Problem requirements -> For the word "IFCLOCALPLACEMENT", state the number of lines in the data that contain it, and nothing else.

Listed records ->
※

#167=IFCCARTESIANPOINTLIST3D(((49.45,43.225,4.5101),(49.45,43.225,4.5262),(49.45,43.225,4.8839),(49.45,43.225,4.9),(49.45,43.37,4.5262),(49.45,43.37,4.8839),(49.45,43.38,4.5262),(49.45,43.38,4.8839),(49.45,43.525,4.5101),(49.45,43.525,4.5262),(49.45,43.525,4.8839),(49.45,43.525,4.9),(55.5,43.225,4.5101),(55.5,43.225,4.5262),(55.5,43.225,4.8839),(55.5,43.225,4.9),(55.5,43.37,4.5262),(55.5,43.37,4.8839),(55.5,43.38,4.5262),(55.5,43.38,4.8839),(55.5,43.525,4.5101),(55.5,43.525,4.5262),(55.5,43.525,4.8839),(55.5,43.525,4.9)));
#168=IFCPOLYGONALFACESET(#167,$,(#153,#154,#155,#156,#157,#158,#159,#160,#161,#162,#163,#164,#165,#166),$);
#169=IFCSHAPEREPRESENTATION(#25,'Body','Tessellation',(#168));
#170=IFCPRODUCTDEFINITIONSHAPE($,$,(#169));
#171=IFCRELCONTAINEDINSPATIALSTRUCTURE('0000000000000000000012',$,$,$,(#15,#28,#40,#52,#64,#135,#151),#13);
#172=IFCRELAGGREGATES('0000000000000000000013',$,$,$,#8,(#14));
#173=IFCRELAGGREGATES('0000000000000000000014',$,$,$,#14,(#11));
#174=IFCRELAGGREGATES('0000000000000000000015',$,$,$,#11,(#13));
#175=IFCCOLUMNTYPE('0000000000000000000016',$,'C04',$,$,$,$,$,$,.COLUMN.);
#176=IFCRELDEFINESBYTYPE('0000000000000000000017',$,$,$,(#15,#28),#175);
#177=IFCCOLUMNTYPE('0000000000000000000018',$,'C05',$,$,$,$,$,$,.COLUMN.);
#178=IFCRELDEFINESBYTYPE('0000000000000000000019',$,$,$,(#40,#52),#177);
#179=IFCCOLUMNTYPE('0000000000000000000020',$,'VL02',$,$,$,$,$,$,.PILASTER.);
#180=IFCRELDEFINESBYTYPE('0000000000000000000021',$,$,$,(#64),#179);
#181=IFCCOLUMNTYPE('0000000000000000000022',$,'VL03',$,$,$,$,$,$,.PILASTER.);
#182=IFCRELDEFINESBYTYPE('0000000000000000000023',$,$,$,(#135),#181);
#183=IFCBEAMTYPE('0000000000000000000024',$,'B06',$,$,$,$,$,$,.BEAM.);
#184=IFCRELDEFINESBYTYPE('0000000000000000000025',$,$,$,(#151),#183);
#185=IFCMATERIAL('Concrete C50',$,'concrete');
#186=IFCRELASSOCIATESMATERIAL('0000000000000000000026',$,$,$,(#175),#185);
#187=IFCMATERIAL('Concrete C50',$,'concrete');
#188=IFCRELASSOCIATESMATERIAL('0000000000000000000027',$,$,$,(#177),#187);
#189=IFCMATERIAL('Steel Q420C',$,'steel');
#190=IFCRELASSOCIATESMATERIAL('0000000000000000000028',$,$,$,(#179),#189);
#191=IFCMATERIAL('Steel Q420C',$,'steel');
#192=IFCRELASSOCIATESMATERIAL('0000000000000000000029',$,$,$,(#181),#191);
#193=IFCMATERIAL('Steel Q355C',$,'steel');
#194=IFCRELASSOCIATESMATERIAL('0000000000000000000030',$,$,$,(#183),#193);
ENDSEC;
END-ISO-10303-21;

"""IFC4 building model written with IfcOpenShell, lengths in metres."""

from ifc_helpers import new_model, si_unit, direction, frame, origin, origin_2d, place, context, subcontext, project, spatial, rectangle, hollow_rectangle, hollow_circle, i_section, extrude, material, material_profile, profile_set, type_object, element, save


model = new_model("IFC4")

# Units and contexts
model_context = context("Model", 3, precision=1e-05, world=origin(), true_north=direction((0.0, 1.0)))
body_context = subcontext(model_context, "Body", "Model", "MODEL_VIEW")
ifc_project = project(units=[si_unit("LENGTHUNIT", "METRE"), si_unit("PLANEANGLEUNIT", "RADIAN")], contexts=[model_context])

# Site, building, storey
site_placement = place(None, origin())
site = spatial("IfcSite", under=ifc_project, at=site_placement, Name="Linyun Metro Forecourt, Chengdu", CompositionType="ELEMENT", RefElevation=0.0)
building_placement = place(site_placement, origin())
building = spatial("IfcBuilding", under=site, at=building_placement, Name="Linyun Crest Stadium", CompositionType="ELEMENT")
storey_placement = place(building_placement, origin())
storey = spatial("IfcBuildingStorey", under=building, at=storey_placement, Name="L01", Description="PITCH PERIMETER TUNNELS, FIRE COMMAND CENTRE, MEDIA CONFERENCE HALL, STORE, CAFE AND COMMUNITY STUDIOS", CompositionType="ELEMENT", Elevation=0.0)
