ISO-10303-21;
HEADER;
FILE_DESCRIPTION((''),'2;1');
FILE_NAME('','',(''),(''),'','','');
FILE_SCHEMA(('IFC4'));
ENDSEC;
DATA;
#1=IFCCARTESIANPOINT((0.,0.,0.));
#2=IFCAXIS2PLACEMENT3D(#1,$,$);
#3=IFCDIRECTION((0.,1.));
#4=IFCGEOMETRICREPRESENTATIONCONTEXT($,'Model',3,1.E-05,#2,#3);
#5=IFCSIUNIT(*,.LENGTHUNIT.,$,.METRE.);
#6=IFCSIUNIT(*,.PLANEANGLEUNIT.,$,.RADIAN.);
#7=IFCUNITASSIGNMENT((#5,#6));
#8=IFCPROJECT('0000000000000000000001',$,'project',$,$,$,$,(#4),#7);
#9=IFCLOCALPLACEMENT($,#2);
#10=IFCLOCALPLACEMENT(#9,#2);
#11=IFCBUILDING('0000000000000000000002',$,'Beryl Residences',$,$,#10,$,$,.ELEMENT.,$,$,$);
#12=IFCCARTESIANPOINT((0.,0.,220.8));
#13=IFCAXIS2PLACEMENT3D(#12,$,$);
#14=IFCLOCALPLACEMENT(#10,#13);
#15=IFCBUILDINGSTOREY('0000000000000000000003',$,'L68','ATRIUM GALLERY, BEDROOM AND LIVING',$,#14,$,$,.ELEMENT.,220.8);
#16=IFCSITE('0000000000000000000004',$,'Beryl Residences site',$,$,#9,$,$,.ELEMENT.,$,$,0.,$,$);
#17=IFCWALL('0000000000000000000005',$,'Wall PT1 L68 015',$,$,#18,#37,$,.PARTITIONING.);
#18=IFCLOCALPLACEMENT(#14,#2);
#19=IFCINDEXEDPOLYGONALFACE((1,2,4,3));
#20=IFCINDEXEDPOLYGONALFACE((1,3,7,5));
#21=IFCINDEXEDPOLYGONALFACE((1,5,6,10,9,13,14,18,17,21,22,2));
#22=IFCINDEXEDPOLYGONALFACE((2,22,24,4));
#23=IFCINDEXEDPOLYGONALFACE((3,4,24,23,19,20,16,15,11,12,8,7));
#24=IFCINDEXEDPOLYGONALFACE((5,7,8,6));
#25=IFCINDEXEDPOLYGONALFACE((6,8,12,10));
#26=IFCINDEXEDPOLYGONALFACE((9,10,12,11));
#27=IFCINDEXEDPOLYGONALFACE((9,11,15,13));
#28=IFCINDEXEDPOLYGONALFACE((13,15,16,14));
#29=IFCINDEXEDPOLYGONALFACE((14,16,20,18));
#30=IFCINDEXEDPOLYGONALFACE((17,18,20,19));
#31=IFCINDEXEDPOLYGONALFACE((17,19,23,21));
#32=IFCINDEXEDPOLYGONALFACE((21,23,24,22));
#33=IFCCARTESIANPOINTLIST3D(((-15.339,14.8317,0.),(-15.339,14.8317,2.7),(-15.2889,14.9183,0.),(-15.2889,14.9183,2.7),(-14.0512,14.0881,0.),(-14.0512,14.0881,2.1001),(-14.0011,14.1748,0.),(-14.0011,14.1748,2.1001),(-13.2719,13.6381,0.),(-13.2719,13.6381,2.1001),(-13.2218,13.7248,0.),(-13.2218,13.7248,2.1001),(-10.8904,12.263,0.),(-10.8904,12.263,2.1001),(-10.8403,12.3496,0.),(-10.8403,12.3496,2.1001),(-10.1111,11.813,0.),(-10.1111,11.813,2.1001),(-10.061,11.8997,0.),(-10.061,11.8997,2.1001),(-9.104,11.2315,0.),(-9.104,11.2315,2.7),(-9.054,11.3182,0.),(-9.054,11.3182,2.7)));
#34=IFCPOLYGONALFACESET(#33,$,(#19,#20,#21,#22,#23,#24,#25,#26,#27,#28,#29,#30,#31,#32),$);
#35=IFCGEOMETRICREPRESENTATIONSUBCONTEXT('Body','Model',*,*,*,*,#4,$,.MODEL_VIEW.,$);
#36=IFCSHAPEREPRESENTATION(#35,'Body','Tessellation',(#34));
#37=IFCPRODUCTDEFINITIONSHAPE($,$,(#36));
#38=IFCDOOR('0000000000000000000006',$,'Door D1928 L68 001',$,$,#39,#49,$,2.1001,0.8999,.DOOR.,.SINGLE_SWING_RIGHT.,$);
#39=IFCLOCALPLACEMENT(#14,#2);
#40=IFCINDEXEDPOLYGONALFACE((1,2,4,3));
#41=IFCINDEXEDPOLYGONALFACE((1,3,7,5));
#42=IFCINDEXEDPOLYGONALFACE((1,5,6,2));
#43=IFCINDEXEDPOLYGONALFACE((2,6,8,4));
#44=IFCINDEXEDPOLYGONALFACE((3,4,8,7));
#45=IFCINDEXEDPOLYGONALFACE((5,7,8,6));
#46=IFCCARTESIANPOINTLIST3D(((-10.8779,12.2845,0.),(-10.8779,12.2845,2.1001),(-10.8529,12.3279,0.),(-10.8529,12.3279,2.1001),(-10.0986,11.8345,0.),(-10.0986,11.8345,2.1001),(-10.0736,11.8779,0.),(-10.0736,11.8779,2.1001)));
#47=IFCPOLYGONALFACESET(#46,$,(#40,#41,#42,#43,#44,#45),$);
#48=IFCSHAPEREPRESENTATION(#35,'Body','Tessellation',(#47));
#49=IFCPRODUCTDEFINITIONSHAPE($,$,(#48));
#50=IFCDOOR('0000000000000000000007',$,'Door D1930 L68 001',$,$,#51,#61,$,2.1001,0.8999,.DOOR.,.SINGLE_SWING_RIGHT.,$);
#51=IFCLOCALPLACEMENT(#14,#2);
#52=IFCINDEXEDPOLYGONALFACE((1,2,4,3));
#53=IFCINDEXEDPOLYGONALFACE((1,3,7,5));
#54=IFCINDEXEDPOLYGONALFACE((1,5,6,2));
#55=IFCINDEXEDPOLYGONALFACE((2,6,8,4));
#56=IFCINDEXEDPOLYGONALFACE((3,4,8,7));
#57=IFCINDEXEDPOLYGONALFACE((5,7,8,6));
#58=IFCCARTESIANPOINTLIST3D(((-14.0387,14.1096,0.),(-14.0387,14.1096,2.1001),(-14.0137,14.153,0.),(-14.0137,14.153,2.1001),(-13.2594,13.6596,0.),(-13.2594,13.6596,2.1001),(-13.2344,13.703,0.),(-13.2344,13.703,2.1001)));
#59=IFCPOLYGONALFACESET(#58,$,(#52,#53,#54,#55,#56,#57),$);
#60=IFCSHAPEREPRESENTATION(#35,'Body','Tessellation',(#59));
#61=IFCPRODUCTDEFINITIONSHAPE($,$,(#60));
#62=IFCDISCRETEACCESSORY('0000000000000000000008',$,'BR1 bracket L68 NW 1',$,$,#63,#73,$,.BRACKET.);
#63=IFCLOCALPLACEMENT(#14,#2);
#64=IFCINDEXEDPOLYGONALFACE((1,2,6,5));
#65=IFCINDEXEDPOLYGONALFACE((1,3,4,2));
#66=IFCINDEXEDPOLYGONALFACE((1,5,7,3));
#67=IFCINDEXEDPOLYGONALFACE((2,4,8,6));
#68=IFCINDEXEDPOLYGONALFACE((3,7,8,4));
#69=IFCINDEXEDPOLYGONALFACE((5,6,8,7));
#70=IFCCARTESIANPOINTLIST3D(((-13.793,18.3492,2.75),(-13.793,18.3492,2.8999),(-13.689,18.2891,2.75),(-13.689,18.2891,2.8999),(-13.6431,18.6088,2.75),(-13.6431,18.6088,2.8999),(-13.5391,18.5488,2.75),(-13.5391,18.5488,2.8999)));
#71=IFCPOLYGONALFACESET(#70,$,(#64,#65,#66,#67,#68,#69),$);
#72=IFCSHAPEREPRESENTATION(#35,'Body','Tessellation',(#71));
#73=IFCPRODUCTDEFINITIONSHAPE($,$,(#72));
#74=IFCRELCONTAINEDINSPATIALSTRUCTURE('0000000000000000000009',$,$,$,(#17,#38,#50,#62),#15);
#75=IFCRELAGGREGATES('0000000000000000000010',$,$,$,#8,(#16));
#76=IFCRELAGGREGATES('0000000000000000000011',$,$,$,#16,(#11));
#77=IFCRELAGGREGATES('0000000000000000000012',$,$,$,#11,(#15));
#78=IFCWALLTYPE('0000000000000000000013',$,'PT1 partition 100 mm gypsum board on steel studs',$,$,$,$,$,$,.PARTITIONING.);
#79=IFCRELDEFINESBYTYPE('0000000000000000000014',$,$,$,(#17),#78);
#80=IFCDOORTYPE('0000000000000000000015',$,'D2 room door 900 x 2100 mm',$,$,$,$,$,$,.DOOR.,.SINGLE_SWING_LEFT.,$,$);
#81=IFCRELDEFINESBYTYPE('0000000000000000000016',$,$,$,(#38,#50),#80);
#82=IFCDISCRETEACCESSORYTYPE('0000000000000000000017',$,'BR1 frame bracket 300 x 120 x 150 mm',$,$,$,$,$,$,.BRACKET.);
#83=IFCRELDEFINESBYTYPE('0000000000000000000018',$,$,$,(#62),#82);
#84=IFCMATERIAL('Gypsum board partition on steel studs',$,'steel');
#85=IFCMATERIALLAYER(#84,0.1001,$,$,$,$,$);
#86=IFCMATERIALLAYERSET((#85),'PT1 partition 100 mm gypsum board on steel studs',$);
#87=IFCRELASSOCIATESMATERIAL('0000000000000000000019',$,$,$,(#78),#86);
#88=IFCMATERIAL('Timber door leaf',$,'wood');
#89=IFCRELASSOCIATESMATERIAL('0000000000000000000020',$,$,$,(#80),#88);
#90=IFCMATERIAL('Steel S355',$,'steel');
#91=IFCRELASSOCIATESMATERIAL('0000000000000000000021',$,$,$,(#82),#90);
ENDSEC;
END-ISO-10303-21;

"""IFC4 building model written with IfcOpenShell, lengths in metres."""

from ifc_helpers import new_model, si_unit, direction, frame, frame_2d, origin, place, context, subcontext, project, spatial, polyline, rectangle, outline, extrude, source, transform, mapped, material, layer, layer_set, type_object, type_shapes, element, fill, save


model = new_model("IFC4")

# Units and contexts
model_context = context("Model", 3, precision=1e-05, world=origin(), true_north=direction((0.0, 1.0)))
body_context = subcontext(model_context, "Body", "Model", "MODEL_VIEW")
ifc_project = project(units=[si_unit("LENGTHUNIT", "METRE"), si_unit("PLANEANGLEUNIT", "RADIAN")], contexts=[model_context])

# Site, building, storey
site_placement = place(None, origin())
site = spatial("IfcSite", under=ifc_project, at=site_placement, Name="Beryl Residences site", CompositionType="ELEMENT", RefElevation=0.0)
building_placement = place(site_placement, origin())
building = spatial("IfcBuilding", under=site, at=building_placement, Name="Beryl Residences", CompositionType="ELEMENT")
storey_placement = place(building_placement, frame((0.0, 0.0, 220.8)))
storey = spatial("IfcBuildingStorey", under=building, at=storey_placement, Name="L68", Description="ATRIUM GALLERY, BEDROOM AND LIVING", CompositionType="ELEMENT", Elevation=220.8)

# Wall, openings, doors
ifc_material_1 = material(Name="Gypsum board partition on steel studs", Category="steel")
ifc_layer_1 = layer(ifc_material_1, 0.1001)
ifc_layer_set_1 = layer_set([ifc_layer_1], Name="PT1 partition 100 mm gypsum board on steel studs")
wall_type_1 = type_object("IfcWallType", Name="PT1 partition 100 mm gypsum board on steel studs", PredefinedType="PARTITIONING", material=ifc_layer_set_1)
wall_1_placement = place(storey_placement, frame((-15.314, 14.875, 0.0), z_axis=(0.0, 0.0, 1.0), x_axis=(0.866001, -0.500041, 0.0)))
wall_1 = element("IfcWall", 1, at=wall_1_placement, inside=storey, type_object=wall_type_1, Name="Wall PT1 L68 015", PredefinedType="PARTITIONING", context=body_context, shape_type="SweptSolid", body=[
    extrude(rectangle(XDim=7.1997, YDim=0.1001, at=frame_2d((3.5999, 0.0))), origin(), (0.0, 0.0, 1.0), 2.7),
])
opening_1_placement = place(wall_1_placement, frame((5.137, 0.0, 0.0)))
opening_1 = element("IfcOpeningElement", 2, at=opening_1_placement, cuts=wall_1, PredefinedType="OPENING", context=body_context, shape_type="SweptSolid", body=[
    extrude(rectangle(XDim=0.8999, YDim=2.1001, at=frame_2d((0.45, 1.05))), frame((0.0, 0.0601, 0.0), z_axis=(0.0, -1.0, 0.0), x_axis=(1.0, 0.0, 0.0)), (0.0, 0.0, 1.0), 0.1201),
])
opening_2_placement = place(wall_1_placement, frame((1.4871, 0.0, 0.0)))
opening_2 = element("IfcOpeningElement", 3, at=opening_2_placement, cuts=wall_1, PredefinedType="OPENING", context=body_context, shape_type="SweptSolid", body=[
    extrude(rectangle(XDim=0.8999, YDim=2.1001, at=frame_2d((0.45, 1.05))), frame((0.0, 0.0601, 0.0), z_axis=(0.0, -1.0, 0.0), x_axis=(1.0, 0.0, 0.0)), (0.0, 0.0, 1.0), 0.1201),
])
ifc_material_2 = material(Name="Timber door leaf", Category="wood")
door_type = type_object("IfcDoorType", Name="D2 room door 900 x 2100 mm", OperationType="SINGLE_SWING_LEFT", PredefinedType="DOOR", material=ifc_material_2)
door_1_placement = place(opening_1_placement, origin())
door_1 = element("IfcDoor", 4, at=door_1_placement, inside=storey, type_object=door_type, Name="Door D1928 L68 001", OperationType="SINGLE_SWING_RIGHT", OverallHeight=2.1001, OverallWidth=0.8999, PredefinedType="DOOR", context=body_context, shape_type="SweptSolid", body=[
    extrude(rectangle(XDim=0.8999, YDim=2.1001, at=frame_2d((0.45, 1.05))), frame((0.0, 0.0249, 0.0), z_axis=(0.0, -1.0, 0.0), x_axis=(1.0, 0.0, 0.0)), (0.0, 0.0, 1.0), 0.05),
])
fill(opening_1, door_1)
door_2_placement = place(opening_2_placement, origin())
door_2 = element("IfcDoor", 5, at=door_2_placement, inside=storey, type_object=door_type, Name="Door D1930 L68 001", OperationType="SINGLE_SWING_RIGHT", OverallHeight=2.1001, OverallWidth=0.8999, PredefinedType="DOOR", context=body_context, shape_type="SweptSolid", body=[
    extrude(rectangle(XDim=0.8999, YDim=2.1001, at=frame_2d((0.45, 1.05))), frame((0.0, 0.0249, 0.0), z_axis=(0.0, -1.0, 0.0), x_axis=(1.0, 0.0, 0.0)), (0.0, 0.0, 1.0), 0.05),
])
fill(opening_2, door_2)

# Discrete accessory
ifc_material_3 = material(Name="Steel S355", Category="steel")
discrete_accessory_type = type_object("IfcDiscreteAccessoryType", Name="BR1 frame bracket 300 x 120 x 150 mm", PredefinedType="BRACKET", material=ifc_material_3)
shared_shape_1 = source(origin(), body_context, "Body", "SweptSolid", [
    extrude(outline(polyline([(-0.1499, 0.0), (0.1499, 0.0), (0.1499, 0.1201), (-0.1499, 0.1201), (-0.1499, 0.0)])), origin(), (0.0, 0.0, 1.0), 0.1499),
])
type_shapes(discrete_accessory_type, [shared_shape_1])
discrete_accessory_placement = place(storey_placement, frame((-13.614, 18.4189, 2.75), z_axis=(0.0, 0.0, 1.0), x_axis=(0.5, 0.866025, 0.0)))
element("IfcDiscreteAccessory", 6, at=discrete_accessory_placement, inside=storey, type_object=discrete_accessory_type, Name="BR1 bracket L68 NW 1", PredefinedType="BRACKET", context=body_context, shape_type="MappedRepresentation", body=[
    mapped(shared_shape_1, transform((0.0, 0.0, 0.0))),
])

save(model, "model.ifc")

※

Solution to the problem -> 7